--- RECORDS SUPPLIED ---

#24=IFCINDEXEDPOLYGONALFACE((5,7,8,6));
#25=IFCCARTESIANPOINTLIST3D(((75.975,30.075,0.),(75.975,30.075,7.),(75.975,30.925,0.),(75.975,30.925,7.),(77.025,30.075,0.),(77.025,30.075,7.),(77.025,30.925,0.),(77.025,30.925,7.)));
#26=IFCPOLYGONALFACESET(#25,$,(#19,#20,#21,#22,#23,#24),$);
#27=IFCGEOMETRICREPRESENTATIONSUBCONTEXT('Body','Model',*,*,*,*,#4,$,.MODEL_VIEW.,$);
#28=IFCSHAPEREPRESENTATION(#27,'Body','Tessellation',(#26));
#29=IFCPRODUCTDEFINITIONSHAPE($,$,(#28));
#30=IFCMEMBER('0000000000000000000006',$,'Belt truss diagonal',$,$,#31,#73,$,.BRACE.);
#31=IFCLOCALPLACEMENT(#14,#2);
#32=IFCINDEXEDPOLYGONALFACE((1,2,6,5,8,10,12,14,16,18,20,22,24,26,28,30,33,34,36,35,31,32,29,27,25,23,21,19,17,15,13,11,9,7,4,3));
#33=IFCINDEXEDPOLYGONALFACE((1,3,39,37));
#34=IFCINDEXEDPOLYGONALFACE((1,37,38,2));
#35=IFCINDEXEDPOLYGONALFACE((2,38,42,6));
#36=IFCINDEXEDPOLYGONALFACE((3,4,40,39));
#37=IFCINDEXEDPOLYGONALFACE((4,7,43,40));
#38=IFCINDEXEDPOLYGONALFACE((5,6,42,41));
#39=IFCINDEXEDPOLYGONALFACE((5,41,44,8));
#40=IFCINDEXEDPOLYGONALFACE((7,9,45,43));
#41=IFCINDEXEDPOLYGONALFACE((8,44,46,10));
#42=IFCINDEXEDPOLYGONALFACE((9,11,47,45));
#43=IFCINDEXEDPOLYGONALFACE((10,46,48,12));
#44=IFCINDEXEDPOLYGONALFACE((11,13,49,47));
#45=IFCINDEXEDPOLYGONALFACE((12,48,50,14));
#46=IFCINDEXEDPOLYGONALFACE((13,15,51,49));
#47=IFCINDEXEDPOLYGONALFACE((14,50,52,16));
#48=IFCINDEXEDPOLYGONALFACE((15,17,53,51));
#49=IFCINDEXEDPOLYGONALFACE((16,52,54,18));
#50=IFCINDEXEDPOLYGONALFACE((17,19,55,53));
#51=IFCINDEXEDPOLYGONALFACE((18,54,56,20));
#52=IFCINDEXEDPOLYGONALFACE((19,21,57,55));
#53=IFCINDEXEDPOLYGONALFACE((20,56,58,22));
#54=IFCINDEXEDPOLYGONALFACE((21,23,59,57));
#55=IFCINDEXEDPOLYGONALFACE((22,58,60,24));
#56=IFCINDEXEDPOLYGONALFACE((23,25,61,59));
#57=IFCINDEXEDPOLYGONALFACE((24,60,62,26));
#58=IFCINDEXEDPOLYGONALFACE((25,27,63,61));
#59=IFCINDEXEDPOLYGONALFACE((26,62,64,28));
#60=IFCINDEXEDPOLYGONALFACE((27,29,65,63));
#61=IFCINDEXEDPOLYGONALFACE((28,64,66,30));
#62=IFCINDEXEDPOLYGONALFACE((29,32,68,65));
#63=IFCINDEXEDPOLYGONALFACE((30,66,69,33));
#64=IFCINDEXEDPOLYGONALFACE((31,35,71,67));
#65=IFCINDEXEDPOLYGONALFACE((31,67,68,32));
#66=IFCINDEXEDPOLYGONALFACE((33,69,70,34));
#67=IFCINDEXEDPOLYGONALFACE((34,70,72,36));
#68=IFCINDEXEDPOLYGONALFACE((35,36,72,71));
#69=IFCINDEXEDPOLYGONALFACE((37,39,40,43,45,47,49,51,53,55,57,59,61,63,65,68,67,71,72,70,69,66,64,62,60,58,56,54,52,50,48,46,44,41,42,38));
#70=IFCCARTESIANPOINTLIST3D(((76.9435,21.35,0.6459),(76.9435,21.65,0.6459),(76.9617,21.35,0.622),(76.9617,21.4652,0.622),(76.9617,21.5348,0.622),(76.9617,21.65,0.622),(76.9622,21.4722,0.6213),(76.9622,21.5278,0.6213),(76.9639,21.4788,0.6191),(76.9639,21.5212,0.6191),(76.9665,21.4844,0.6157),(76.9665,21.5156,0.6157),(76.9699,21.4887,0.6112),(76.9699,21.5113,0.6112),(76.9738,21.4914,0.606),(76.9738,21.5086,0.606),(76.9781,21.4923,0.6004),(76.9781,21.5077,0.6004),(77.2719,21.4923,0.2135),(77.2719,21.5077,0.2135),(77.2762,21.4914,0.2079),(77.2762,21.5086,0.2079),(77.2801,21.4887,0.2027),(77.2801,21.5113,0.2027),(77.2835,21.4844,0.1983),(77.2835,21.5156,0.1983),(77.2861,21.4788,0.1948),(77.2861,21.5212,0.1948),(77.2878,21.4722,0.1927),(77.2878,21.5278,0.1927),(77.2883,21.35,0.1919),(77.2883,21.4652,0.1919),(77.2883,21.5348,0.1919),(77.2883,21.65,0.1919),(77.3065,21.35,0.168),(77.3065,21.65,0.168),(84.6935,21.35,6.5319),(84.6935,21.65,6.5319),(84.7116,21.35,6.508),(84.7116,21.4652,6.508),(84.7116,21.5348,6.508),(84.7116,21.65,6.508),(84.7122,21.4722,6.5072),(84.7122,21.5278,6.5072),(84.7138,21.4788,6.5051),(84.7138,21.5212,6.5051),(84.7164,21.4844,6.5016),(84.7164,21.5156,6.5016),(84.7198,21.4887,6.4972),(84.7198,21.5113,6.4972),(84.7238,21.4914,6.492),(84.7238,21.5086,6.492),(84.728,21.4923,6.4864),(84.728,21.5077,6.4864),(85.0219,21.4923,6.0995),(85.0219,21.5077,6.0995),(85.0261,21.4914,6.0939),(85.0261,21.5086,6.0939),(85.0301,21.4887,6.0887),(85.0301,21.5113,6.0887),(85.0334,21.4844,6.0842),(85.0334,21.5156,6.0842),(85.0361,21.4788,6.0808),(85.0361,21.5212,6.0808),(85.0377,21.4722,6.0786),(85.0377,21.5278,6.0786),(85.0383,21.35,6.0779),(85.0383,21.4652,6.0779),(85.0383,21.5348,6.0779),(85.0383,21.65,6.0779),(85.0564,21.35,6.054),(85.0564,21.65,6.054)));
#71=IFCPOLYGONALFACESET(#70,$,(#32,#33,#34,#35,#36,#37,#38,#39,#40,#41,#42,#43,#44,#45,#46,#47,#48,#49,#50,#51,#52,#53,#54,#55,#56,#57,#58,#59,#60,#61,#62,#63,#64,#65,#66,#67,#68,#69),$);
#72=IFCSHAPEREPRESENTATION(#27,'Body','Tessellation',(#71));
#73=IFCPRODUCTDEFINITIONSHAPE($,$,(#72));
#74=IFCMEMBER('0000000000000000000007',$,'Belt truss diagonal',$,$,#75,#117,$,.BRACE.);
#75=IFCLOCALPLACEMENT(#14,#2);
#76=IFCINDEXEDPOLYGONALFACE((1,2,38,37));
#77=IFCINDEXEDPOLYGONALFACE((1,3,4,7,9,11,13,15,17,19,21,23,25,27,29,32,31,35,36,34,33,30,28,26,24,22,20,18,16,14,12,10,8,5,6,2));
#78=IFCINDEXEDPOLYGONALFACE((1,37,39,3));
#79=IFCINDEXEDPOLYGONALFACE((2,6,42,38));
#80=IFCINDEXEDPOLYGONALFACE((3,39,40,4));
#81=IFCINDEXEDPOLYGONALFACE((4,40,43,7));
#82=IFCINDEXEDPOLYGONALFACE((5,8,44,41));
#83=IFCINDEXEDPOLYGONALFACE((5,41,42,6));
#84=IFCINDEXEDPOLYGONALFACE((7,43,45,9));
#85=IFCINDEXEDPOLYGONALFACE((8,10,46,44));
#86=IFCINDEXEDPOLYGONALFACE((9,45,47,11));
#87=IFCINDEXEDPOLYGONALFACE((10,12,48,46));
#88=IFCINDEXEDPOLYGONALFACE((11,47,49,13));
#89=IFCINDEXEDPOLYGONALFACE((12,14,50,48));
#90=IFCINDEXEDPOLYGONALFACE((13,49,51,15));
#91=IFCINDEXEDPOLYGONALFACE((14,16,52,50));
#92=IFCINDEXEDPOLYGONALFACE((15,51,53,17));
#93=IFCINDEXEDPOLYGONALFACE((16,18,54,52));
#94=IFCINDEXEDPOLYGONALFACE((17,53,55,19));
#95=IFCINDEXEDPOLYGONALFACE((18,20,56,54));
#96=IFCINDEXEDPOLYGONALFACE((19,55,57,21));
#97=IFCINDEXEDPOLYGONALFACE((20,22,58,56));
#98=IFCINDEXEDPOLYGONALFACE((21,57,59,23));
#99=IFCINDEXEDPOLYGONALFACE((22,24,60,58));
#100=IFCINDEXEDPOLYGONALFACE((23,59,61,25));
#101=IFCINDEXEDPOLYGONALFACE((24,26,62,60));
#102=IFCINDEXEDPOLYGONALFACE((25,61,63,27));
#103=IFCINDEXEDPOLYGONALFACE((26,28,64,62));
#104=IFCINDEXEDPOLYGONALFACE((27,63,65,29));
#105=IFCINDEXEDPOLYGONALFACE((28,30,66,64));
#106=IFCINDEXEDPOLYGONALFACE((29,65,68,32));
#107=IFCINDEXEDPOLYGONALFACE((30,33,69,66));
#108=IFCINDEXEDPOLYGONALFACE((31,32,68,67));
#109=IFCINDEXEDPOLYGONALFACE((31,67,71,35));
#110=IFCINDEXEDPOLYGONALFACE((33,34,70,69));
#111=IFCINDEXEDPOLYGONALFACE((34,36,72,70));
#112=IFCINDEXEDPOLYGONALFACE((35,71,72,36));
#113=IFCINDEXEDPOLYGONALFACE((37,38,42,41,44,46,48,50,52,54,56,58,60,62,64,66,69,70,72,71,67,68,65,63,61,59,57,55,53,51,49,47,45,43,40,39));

---

#### [ACTIVITY]
Exactly as written, repeat each line from the beginning of the data above to the line containing "#54=IFCINDEXEDPOLYGONALFACE((21,23,59,57));", inclusive.

#### [THE COMPLETED TASK]
#24=IFCINDEXEDPOLYGONALFACE((5,7,8,6));
#25=IFCCARTESIANPOINTLIST3D(((75.975,30.075,0.),(75.975,30.075,7.),(75.975,30.925,0.),(75.975,30.925,7.),(77.025,30.075,0.),(77.025,30.075,7.),(77.025,30.925,0.),(77.025,30.925,7.)));
#26=IFCPOLYGONALFACESET(#25,$,(#19,#20,#21,#22,#23,#24),$);
#27=IFCGEOMETRICREPRESENTATIONSUBCONTEXT('Body','Model',*,*,*,*,#4,$,.MODEL_VIEW.,$);
#28=IFCSHAPEREPRESENTATION(#27,'Body','Tessellation',(#26));
#29=IFCPRODUCTDEFINITIONSHAPE($,$,(#28));
#30=IFCMEMBER('0000000000000000000006',$,'Belt truss diagonal',$,$,#31,#73,$,.BRACE.);
#31=IFCLOCALPLACEMENT(#14,#2);
#32=IFCINDEXEDPOLYGONALFACE((1,2,6,5,8,10,12,14,16,18,20,22,24,26,28,30,33,34,36,35,31,32,29,27,25,23,21,19,17,15,13,11,9,7,4,3));
#33=IFCINDEXEDPOLYGONALFACE((1,3,39,37));
#34=IFCINDEXEDPOLYGONALFACE((1,37,38,2));
#35=IFCINDEXEDPOLYGONALFACE((2,38,42,6));
#36=IFCINDEXEDPOLYGONALFACE((3,4,40,39));
#37=IFCINDEXEDPOLYGONALFACE((4,7,43,40));
#38=IFCINDEXEDPOLYGONALFACE((5,6,42,41));
#39=IFCINDEXEDPOLYGONALFACE((5,41,44,8));
#40=IFCINDEXEDPOLYGONALFACE((7,9,45,43));
#41=IFCINDEXEDPOLYGONALFACE((8,44,46,10));
#42=IFCINDEXEDPOLYGONALFACE((9,11,47,45));
#43=IFCINDEXEDPOLYGONALFACE((10,46,48,12));
#44=IFCINDEXEDPOLYGONALFACE((11,13,49,47));
#45=IFCINDEXEDPOLYGONALFACE((12,48,50,14));
#46=IFCINDEXEDPOLYGONALFACE((13,15,51,49));
#47=IFCINDEXEDPOLYGONALFACE((14,50,52,16));
#48=IFCINDEXEDPOLYGONALFACE((15,17,53,51));
#49=IFCINDEXEDPOLYGONALFACE((16,52,54,18));
#50=IFCINDEXEDPOLYGONALFACE((17,19,55,53));
#51=IFCINDEXEDPOLYGONALFACE((18,54,56,20));
#52=IFCINDEXEDPOLYGONALFACE((19,21,57,55));
#53=IFCINDEXEDPOLYGONALFACE((20,56,58,22));
#54=IFCINDEXEDPOLYGONALFACE((21,23,59,57));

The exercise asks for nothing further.